**The problem**
Pull out every line below containing the word "IFCSHAPEREPRESENTATION".

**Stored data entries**
- Opening Delimiter -

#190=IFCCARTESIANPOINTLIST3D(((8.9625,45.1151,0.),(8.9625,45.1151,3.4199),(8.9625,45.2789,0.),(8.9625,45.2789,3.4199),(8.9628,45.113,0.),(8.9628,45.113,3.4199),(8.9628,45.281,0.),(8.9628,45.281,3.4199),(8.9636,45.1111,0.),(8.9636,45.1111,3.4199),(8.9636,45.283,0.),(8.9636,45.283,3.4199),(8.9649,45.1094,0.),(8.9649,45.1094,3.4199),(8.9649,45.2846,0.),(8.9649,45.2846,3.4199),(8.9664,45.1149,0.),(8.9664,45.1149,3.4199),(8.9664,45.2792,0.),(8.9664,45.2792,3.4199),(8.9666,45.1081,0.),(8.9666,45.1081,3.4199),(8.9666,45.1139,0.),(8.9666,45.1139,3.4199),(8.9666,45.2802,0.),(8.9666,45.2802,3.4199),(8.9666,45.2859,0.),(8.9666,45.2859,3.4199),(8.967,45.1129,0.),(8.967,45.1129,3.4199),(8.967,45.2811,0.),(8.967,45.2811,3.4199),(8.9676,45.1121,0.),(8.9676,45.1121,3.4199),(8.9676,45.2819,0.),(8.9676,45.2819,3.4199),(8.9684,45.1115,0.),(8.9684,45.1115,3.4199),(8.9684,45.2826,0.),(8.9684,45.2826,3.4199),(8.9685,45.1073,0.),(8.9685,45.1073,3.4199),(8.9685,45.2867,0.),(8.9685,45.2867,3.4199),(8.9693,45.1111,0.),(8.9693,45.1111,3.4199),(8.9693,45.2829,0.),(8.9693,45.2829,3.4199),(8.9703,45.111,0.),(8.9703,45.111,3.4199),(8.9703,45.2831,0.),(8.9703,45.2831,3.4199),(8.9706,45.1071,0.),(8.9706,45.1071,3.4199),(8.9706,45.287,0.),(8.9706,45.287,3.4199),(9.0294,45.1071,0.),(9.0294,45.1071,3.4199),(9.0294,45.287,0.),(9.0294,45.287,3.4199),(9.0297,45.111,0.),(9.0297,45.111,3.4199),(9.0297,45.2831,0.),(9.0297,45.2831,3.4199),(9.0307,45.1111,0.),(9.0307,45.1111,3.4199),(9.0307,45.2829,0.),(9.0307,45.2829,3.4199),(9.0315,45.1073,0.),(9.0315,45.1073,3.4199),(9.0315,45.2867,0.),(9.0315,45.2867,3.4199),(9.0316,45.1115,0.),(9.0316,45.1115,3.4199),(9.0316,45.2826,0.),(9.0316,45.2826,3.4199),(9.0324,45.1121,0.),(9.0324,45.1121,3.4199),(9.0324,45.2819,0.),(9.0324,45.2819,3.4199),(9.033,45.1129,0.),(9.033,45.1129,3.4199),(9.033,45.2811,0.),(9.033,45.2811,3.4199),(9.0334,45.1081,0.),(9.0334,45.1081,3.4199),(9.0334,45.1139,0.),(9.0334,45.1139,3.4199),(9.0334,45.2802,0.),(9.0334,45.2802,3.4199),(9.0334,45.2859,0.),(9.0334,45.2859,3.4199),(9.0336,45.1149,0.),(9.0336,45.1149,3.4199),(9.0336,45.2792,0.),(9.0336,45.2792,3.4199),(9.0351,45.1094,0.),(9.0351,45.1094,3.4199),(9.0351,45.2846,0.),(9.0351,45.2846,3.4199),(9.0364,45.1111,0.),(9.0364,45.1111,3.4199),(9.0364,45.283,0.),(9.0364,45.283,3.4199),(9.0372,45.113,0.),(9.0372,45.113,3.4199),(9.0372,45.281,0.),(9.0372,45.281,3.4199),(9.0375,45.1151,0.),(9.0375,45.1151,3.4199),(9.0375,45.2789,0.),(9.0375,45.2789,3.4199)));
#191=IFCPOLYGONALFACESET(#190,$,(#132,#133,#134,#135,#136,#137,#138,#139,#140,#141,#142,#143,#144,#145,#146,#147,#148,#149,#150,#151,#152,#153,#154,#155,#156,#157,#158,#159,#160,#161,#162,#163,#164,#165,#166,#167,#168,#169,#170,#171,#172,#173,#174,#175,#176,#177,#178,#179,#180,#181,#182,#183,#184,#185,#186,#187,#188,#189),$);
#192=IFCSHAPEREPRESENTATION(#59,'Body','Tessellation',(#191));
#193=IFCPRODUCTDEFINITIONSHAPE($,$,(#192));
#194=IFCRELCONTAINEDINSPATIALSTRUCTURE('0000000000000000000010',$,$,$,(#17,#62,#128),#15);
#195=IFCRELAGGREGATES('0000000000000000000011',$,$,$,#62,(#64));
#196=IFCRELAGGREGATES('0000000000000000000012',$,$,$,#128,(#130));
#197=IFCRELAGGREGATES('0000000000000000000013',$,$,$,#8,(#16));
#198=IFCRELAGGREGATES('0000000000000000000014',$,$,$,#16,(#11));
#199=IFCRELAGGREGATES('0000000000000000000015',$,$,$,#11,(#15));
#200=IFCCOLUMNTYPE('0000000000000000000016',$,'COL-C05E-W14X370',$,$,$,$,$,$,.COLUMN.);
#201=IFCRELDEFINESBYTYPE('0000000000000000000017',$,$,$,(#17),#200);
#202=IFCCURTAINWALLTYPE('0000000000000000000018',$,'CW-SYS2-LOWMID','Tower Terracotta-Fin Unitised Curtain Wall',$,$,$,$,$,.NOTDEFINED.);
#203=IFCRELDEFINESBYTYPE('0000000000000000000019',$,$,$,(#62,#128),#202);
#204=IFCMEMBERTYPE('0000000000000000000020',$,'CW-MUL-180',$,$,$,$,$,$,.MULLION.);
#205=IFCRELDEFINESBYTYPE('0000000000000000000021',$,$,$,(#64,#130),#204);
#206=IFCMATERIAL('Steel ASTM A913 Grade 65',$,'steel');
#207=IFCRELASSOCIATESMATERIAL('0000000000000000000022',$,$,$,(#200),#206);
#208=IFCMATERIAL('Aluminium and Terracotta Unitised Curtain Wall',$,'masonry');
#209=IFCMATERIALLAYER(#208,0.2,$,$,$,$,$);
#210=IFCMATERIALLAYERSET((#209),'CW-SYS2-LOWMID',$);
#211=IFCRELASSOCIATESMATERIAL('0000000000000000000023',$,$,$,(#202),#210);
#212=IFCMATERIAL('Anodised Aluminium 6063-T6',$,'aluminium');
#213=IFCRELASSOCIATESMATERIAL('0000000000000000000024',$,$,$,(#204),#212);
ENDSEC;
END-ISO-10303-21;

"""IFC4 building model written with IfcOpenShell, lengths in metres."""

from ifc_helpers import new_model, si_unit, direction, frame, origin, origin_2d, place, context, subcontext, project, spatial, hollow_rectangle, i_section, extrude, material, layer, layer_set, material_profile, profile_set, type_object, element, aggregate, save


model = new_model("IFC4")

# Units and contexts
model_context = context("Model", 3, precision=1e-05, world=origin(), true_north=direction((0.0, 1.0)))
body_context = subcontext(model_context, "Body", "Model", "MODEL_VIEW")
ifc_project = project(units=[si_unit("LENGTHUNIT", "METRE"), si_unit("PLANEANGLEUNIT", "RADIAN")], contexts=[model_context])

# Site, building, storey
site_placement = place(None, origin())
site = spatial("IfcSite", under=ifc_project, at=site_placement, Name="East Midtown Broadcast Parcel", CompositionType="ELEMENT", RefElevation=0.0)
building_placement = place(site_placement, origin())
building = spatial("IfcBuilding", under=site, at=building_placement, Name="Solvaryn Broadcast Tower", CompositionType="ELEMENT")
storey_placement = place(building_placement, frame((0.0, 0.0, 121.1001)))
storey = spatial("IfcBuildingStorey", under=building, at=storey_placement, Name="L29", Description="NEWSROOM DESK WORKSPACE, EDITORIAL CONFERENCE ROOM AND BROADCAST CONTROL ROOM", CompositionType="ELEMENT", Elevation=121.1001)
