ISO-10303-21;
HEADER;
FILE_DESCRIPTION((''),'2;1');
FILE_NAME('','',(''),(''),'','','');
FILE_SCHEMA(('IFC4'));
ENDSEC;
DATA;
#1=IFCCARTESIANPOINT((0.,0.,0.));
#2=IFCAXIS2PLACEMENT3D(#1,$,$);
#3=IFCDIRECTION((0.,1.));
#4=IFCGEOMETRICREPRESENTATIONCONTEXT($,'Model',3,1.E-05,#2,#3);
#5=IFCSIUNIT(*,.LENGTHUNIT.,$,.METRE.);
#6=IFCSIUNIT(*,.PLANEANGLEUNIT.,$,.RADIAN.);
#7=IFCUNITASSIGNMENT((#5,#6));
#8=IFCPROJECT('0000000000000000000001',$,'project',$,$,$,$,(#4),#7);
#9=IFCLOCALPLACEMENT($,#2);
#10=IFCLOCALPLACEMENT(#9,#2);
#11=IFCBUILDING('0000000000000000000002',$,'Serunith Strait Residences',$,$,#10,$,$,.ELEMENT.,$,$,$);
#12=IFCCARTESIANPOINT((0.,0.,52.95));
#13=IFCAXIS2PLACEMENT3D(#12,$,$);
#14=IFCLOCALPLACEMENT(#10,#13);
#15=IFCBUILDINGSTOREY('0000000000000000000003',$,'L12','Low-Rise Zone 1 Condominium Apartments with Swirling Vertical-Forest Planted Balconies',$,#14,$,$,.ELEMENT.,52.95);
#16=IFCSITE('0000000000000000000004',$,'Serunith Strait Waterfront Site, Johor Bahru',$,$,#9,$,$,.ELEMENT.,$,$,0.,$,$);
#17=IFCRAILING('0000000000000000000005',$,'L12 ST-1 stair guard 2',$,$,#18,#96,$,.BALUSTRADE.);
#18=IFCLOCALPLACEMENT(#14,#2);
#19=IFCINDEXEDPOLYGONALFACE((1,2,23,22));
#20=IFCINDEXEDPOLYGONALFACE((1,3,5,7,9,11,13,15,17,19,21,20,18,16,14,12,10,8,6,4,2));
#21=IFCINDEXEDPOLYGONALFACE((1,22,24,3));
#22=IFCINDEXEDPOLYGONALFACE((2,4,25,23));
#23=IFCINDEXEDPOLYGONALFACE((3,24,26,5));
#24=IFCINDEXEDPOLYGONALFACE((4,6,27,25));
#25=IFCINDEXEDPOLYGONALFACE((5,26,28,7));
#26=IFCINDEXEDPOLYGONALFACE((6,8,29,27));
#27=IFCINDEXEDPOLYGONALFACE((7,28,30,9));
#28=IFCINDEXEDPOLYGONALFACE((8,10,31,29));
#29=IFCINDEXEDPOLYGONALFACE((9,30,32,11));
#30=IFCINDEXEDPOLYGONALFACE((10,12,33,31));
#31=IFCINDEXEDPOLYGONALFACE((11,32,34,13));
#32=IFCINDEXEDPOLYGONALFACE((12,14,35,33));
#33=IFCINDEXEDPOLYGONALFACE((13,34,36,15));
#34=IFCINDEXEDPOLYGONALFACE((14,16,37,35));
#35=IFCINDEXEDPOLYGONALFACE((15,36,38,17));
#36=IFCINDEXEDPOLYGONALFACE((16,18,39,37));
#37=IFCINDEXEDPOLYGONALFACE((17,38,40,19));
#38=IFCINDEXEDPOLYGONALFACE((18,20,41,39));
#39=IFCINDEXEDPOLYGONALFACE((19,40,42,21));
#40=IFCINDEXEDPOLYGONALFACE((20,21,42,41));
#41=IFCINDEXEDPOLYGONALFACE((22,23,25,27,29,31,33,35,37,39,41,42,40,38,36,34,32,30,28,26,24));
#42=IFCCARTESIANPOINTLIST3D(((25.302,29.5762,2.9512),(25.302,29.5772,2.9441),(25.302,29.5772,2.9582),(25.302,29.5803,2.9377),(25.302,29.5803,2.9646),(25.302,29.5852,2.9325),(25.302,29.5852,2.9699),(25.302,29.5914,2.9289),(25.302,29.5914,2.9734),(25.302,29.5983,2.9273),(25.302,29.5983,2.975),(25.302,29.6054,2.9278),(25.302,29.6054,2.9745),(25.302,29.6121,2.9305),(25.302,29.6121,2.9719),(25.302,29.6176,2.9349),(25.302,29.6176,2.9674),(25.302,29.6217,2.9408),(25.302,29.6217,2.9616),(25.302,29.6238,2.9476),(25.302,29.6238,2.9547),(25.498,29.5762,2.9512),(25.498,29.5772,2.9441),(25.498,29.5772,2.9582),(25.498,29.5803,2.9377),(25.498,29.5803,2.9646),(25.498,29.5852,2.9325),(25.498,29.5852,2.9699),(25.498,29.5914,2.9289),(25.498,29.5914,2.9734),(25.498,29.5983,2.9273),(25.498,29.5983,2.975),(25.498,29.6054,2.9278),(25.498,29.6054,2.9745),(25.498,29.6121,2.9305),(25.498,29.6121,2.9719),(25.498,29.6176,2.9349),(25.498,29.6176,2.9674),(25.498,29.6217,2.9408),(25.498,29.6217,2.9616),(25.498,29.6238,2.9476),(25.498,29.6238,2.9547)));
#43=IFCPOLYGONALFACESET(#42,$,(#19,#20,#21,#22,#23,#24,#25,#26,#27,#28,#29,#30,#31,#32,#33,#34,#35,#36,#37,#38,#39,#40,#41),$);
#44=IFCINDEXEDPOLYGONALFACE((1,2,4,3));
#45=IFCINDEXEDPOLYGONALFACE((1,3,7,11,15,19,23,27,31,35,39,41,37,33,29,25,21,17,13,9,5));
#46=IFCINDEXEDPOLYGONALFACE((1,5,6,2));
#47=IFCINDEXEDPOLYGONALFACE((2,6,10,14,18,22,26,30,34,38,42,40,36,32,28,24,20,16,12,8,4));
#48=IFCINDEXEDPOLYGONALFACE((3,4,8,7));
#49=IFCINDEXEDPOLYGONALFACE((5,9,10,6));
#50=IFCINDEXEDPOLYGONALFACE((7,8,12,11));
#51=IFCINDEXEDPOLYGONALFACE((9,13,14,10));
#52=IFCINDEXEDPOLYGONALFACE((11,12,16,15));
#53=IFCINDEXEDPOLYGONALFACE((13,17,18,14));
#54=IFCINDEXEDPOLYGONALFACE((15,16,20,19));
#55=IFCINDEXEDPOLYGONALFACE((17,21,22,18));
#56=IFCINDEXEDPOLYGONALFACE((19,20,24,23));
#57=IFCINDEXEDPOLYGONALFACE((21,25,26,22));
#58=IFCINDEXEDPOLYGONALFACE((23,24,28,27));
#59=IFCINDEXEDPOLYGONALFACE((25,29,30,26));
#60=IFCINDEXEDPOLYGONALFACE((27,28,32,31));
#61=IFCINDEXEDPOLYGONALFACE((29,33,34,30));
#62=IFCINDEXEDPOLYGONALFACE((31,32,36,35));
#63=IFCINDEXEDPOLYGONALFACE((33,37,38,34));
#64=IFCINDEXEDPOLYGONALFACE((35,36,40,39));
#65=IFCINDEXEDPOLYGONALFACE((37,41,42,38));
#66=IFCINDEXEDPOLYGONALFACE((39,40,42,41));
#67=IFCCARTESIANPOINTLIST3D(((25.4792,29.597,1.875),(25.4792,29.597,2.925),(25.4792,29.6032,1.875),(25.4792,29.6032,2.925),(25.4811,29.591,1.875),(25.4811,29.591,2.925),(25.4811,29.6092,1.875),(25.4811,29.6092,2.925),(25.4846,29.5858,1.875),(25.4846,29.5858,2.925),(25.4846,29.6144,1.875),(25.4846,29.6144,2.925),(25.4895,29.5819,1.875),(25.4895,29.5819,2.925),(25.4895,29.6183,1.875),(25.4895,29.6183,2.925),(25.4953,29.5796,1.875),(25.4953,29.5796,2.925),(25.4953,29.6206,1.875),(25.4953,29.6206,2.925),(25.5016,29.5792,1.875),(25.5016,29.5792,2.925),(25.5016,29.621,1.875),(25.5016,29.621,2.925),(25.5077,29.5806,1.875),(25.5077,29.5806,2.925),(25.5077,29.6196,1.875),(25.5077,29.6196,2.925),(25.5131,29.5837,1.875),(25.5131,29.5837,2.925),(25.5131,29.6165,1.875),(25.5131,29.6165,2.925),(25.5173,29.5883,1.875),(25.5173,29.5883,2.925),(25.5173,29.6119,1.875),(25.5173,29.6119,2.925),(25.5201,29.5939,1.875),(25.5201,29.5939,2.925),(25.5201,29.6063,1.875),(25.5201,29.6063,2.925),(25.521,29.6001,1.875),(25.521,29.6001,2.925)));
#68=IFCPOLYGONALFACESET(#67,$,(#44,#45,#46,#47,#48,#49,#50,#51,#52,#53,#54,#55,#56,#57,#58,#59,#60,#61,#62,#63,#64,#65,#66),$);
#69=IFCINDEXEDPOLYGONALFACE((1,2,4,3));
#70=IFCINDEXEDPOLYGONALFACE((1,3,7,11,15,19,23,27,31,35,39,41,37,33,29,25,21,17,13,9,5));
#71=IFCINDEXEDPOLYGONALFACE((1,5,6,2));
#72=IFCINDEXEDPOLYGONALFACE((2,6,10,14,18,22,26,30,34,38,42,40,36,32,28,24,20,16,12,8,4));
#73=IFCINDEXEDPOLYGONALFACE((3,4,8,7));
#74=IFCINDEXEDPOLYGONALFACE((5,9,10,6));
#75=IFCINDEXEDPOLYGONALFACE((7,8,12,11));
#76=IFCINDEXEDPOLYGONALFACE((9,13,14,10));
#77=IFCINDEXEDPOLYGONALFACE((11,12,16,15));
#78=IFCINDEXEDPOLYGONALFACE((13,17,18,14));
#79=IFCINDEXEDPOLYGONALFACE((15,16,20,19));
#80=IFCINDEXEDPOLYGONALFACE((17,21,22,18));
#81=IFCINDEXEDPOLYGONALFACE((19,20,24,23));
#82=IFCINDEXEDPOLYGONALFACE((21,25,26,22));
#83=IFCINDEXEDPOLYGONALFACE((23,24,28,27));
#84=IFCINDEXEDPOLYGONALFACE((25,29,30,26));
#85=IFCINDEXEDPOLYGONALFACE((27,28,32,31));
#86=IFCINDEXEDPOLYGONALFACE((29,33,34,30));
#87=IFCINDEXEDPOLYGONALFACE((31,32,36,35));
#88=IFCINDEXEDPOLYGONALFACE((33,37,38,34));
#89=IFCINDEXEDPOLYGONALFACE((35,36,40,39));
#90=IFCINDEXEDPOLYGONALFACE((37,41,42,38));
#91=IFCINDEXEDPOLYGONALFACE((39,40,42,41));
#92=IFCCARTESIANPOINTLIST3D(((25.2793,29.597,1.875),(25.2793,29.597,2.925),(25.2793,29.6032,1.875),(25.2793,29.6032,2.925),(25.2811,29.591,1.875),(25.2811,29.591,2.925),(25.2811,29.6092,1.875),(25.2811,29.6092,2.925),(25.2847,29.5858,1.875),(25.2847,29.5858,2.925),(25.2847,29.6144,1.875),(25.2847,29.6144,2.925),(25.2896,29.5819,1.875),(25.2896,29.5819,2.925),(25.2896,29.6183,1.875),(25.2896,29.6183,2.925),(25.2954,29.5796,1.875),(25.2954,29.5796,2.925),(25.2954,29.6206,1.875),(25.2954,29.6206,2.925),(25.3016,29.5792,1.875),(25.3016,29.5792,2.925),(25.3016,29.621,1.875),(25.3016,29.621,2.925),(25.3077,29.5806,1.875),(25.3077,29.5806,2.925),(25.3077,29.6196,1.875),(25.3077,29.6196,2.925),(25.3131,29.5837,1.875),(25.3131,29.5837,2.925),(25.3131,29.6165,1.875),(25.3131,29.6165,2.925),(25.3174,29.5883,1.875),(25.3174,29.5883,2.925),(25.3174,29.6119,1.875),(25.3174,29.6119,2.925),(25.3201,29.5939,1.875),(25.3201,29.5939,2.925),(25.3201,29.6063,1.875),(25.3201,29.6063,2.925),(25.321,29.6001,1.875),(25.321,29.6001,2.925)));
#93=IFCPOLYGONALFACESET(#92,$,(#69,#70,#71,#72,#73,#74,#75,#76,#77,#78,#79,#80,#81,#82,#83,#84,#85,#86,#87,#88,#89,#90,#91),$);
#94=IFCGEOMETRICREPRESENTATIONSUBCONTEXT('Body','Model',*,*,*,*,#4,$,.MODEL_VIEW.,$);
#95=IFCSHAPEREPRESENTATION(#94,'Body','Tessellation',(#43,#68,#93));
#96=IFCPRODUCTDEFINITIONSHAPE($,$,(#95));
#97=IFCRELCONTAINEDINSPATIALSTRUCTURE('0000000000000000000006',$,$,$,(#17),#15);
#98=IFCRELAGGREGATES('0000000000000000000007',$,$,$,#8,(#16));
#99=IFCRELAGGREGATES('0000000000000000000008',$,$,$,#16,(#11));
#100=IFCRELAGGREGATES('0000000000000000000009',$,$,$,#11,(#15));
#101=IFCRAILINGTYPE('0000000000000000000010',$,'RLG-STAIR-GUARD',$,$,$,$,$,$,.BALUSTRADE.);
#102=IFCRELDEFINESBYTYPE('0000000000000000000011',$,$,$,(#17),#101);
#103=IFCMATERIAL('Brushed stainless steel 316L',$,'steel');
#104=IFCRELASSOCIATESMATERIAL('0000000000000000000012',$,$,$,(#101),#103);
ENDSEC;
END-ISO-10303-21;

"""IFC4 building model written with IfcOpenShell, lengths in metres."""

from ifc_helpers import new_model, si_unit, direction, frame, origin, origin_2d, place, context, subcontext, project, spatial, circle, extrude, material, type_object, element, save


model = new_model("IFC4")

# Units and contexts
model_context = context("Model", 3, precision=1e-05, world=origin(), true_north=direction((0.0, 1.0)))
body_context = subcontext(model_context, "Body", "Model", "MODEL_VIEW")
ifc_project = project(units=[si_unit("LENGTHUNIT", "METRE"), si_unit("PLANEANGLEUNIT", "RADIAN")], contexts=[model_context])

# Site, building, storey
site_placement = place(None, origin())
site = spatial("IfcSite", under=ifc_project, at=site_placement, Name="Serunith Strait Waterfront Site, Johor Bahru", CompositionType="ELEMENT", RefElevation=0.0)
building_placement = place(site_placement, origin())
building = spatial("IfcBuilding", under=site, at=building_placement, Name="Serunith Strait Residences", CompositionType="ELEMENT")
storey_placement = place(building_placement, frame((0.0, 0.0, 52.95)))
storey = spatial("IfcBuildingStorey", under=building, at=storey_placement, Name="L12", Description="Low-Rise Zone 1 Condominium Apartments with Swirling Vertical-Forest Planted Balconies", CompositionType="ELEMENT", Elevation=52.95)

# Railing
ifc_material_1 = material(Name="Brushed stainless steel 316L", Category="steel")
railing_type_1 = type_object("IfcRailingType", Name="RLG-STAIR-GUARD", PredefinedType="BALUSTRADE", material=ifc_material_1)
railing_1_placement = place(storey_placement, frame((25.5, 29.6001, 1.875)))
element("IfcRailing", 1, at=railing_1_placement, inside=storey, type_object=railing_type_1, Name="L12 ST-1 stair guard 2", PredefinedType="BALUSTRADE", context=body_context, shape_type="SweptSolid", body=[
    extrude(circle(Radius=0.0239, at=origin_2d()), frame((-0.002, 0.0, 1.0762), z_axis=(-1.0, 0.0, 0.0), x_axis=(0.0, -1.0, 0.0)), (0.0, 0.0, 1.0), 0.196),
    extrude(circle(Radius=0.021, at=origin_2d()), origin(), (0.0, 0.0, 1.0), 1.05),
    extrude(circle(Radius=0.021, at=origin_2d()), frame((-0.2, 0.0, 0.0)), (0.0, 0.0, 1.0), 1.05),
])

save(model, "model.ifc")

- Closing Delimiter -

**Answer to the problem**
#192=IFCSHAPEREPRESENTATION(#59,'Body','Tessellation',(#191));
#95=IFCSHAPEREPRESENTATION(#94,'Body','Tessellation',(#43,#68,#93));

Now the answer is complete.